Copy every line that holds the string "IFCSIUNIT" from the data below.

• _Exercise materials_:
=== Section Start ===

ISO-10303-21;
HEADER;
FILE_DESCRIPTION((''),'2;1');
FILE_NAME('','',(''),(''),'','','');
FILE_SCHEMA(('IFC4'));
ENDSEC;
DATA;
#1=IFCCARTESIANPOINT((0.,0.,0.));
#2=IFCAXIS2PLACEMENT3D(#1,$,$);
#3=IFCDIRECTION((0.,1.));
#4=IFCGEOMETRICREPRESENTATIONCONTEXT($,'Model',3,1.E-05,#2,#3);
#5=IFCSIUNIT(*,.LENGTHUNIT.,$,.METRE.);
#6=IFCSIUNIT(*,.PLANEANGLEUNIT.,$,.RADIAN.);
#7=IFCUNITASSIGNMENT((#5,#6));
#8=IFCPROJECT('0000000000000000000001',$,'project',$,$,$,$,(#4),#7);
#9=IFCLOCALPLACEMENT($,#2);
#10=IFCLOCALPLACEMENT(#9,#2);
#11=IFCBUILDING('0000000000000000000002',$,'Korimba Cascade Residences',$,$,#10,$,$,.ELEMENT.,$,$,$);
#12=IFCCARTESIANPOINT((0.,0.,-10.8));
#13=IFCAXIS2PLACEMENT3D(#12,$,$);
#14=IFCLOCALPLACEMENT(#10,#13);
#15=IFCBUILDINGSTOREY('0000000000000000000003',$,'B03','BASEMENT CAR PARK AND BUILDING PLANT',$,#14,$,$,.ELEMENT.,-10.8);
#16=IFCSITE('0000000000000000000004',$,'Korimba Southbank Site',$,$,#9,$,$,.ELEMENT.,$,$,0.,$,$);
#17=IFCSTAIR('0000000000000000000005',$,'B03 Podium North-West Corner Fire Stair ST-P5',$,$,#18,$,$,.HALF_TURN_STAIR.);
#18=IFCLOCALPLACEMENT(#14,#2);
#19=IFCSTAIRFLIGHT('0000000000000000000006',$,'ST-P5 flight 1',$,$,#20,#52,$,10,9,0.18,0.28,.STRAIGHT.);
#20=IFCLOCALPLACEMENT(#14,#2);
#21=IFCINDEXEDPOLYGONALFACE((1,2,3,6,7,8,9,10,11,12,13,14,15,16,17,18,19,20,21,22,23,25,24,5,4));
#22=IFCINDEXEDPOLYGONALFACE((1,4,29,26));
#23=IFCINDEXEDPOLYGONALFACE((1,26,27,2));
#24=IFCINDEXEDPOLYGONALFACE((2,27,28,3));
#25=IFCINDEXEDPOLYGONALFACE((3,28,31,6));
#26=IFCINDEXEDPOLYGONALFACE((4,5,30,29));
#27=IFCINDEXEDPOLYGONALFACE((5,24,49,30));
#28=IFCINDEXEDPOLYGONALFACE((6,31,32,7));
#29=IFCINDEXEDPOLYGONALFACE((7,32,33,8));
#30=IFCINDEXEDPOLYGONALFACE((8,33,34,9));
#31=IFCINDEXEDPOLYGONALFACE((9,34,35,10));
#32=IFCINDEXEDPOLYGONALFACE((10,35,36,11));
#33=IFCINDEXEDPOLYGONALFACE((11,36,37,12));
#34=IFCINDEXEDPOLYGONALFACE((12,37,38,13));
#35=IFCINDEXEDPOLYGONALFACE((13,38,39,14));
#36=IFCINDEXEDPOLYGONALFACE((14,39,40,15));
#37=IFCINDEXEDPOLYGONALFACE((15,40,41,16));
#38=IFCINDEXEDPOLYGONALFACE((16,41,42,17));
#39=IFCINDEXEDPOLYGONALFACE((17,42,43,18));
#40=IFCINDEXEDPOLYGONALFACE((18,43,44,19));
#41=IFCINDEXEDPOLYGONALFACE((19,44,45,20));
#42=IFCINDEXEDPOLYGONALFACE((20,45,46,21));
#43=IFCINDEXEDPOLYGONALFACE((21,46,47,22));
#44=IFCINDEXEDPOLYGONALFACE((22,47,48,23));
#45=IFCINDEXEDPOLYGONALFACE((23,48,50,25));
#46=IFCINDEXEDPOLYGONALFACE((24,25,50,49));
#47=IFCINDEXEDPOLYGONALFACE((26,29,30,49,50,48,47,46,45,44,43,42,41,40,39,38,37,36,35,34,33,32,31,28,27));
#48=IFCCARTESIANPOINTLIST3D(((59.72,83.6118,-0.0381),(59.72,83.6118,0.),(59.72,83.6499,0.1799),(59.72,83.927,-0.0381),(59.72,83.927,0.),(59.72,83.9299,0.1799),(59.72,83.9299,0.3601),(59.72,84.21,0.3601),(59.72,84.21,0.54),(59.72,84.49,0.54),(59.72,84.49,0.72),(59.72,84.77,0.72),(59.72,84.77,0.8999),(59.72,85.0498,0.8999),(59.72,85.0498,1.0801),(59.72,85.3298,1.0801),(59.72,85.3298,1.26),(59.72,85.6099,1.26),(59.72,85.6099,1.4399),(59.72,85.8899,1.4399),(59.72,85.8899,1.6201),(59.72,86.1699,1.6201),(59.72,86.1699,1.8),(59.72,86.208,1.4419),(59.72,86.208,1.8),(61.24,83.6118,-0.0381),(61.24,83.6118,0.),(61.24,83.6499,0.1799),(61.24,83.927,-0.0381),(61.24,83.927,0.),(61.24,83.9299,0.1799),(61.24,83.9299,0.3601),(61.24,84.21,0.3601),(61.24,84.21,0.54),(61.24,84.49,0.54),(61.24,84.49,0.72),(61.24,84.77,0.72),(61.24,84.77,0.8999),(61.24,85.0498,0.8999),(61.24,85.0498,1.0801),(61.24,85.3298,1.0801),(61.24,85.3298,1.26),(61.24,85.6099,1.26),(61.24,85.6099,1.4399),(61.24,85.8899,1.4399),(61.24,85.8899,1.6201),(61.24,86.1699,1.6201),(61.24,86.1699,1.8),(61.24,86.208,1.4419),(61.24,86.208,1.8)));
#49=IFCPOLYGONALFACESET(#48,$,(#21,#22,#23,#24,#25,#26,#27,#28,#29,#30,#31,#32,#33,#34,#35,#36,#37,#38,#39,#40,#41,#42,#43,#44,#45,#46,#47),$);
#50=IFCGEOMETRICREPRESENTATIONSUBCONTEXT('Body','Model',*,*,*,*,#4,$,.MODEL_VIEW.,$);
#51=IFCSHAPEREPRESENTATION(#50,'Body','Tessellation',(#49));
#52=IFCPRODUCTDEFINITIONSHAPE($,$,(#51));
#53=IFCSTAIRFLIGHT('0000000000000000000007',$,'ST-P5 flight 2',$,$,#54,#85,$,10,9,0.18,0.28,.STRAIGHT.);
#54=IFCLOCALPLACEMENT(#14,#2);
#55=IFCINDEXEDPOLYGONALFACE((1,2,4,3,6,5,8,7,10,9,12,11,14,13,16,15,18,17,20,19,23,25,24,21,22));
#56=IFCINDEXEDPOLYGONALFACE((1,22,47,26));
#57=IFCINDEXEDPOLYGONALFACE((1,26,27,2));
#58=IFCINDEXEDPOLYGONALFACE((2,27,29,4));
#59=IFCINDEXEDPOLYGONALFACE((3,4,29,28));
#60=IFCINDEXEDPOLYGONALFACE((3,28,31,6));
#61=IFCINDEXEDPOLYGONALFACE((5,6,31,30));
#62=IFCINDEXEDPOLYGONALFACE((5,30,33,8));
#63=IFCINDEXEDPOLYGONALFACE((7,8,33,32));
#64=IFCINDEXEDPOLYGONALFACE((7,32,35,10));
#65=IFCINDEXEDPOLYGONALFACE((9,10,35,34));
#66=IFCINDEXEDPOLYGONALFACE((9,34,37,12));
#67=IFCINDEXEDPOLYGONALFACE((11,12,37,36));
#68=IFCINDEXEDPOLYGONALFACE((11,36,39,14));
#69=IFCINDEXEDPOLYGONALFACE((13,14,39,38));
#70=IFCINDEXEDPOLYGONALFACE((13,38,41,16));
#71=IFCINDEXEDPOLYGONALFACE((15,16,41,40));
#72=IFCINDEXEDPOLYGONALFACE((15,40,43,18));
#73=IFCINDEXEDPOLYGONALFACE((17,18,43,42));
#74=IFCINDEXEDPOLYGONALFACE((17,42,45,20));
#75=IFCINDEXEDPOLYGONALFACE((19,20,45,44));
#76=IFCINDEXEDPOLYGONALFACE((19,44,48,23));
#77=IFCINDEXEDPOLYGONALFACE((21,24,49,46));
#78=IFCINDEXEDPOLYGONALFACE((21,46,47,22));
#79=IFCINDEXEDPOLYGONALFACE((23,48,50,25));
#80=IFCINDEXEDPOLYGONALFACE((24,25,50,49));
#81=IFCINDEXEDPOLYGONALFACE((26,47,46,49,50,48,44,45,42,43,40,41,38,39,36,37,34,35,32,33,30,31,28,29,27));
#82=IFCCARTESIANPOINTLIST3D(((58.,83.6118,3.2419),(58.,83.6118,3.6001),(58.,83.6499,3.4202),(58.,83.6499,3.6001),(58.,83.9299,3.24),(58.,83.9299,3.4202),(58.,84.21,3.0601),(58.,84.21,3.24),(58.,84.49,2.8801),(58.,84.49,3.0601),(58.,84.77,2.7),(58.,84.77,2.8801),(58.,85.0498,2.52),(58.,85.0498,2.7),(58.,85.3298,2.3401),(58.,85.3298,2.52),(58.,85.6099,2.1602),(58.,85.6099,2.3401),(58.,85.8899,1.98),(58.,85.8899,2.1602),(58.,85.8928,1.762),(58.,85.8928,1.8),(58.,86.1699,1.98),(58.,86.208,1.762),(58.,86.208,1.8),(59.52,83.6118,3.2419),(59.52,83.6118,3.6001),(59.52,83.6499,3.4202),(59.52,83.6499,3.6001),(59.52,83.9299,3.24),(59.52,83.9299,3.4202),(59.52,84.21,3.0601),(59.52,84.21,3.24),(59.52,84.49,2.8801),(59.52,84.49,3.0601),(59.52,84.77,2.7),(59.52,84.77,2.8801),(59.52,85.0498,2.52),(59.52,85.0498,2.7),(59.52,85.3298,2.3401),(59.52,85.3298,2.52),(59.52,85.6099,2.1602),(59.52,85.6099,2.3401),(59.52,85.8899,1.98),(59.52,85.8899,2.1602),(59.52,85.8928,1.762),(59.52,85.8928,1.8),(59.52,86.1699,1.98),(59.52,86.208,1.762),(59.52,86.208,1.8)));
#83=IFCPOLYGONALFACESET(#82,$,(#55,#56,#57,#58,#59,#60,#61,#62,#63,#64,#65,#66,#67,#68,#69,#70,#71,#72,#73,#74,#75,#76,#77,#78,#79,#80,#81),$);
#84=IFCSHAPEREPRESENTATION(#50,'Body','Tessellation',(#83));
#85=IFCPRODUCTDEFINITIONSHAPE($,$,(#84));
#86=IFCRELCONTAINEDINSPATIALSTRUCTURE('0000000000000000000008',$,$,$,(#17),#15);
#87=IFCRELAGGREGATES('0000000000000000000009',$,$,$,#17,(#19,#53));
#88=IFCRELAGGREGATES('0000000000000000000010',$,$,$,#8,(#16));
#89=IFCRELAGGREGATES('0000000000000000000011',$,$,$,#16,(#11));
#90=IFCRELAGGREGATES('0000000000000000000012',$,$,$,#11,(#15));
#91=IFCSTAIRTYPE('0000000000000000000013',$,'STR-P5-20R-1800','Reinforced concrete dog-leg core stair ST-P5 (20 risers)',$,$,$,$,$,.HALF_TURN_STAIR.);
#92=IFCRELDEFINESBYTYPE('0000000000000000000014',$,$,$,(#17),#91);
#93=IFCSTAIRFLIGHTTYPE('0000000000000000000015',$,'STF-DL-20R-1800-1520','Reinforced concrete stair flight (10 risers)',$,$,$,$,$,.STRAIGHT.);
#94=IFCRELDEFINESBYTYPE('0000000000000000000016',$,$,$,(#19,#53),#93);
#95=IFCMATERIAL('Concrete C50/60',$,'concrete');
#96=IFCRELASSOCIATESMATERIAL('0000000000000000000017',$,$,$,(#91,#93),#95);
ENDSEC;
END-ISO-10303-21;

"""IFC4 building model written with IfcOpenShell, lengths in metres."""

from ifc_helpers import new_model, si_unit, direction, frame, origin, place, context, subcontext, project, spatial, polyline, outline, extrude, material, type_object, element, aggregate, save


model = new_model("IFC4")

# Units and contexts
model_context = context("Model", 3, precision=1e-05, world=origin(), true_north=direction((0.0, 1.0)))
body_context = subcontext(model_context, "Body", "Model", "MODEL_VIEW")
ifc_project = project(units=[si_unit("LENGTHUNIT", "METRE"), si_unit("PLANEANGLEUNIT", "RADIAN")], contexts=[model_context])

# Site, building, storey
site_placement = place(None, origin())
site = spatial("IfcSite", under=ifc_project, at=site_placement, Name="Korimba Southbank Site", CompositionType="ELEMENT", RefElevation=0.0)
building_placement = place(site_placement, origin())
building = spatial("IfcBuilding", under=site, at=building_placement, Name="Korimba Cascade Residences", CompositionType="ELEMENT")
storey_placement = place(building_placement, frame((0.0, 0.0, -10.8)))
storey = spatial("IfcBuildingStorey", under=building, at=storey_placement, Name="B03", Description="BASEMENT CAR PARK AND BUILDING PLANT", CompositionType="ELEMENT", Elevation=-10.8)

# Shared definitions
ifc_material_1 = material(Name="Concrete C50/60", Category="concrete")

# Stair, stair flights
stair_type = type_object("IfcStairType", Name="STR-P5-20R-1800", Description="Reinforced concrete dog-leg core stair ST-P5 (20 risers)", PredefinedType="HALF_TURN_STAIR", material=ifc_material_1)
stair_placement = place(storey_placement, origin())
stair = element("IfcStair", 1, at=stair_placement, inside=storey, type_object=stair_type, Name="B03 Podium North-West Corner Fire Stair ST-P5", PredefinedType="HALF_TURN_STAIR")
stair_flight_type = type_object("IfcStairFlightType", Name="STF-DL-20R-1800-1520", Description="Reinforced concrete stair flight (10 risers)", PredefinedType="STRAIGHT", material=ifc_material_1)
stair_flight_1_placement = place(storey_placement, frame((60.48, 83.6499, 0.0), z_axis=(0.0, 0.0, 1.0), x_axis=(0.0, 1.0, 0.0)))
stair_flight_1 = element("IfcStairFlight", 2, at=stair_flight_1_placement, type_object=stair_flight_type, Name="ST-P5 flight 1", NumberOfRisers=10, NumberOfTreads=9, PredefinedType="STRAIGHT", RiserHeight=0.18, TreadLength=0.28, context=body_context, shape_type="SweptSolid", body=[
    extrude(outline(polyline([(-0.0381, 0.0), (0.0, 0.1799), (0.28, 0.1799), (0.28, 0.3601), (0.5601, 0.3601), (0.5601, 0.54), (0.8401, 0.54), (0.8401, 0.72), (1.1201, 0.72), (1.1201, 0.8999), (1.3999, 0.8999), (1.3999, 1.0801), (1.6799, 1.0801), (1.6799, 1.26), (1.96, 1.26), (1.96, 1.4399), (2.24, 1.4399), (2.24, 1.6201), (2.52, 1.6201), (2.52, 1.8), (2.5581, 1.8), (2.5581, 1.4419), (0.2771, 0.0), (0.2771, -0.0381), (-0.0381, -0.0381), (-0.0381, 0.0)])), frame((0.0, 0.76, 0.0), z_axis=(0.0, -1.0, 0.0), x_axis=(1.0, 0.0, 0.0)), (0.0, 0.0, 1.0), 1.52),
])
stair_flight_2_placement = place(storey_placement, frame((58.76, 86.1699, 1.8), z_axis=(0.0, 0.0, 1.0), x_axis=(0.0, -1.0, 0.0)))
stair_flight_2 = element("IfcStairFlight", 3, at=stair_flight_2_placement, type_object=stair_flight_type, Name="ST-P5 flight 2", NumberOfRisers=10, NumberOfTreads=9, PredefinedType="STRAIGHT", RiserHeight=0.18, TreadLength=0.28, context=body_context, shape_type="SweptSolid", body=[
    extrude(outline(polyline([(-0.0381, 0.0), (0.0, 0.1799), (0.28, 0.1799), (0.28, 0.3601), (0.5601, 0.3601), (0.5601, 0.54), (0.8401, 0.54), (0.8401, 0.72), (1.1201, 0.72), (1.1201, 0.8999), (1.3999, 0.8999), (1.3999, 1.0801), (1.6799, 1.0801), (1.6799, 1.26), (1.96, 1.26), (1.96, 1.4399), (2.24, 1.4399), (2.24, 1.6201), (2.52, 1.6201), (2.52, 1.8), (2.5581, 1.8), (2.5581, 1.4419), (0.2771, 0.0), (0.2771, -0.0381), (-0.0381, -0.0381), (-0.0381, 0.0)])), frame((0.0, 0.76, 0.0), z_axis=(0.0, -1.0, 0.0), x_axis=(1.0, 0.0, 0.0)), (0.0, 0.0, 1.0), 1.52),
])
aggregate(stair, [stair_flight_1, stair_flight_2])

save(model, "model.ifc")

=== Section End ===

• _Output for this exercise_:
#5=IFCSIUNIT(*,.LENGTHUNIT.,$,.METRE.);
#6=IFCSIUNIT(*,.PLANEANGLEUNIT.,$,.RADIAN.);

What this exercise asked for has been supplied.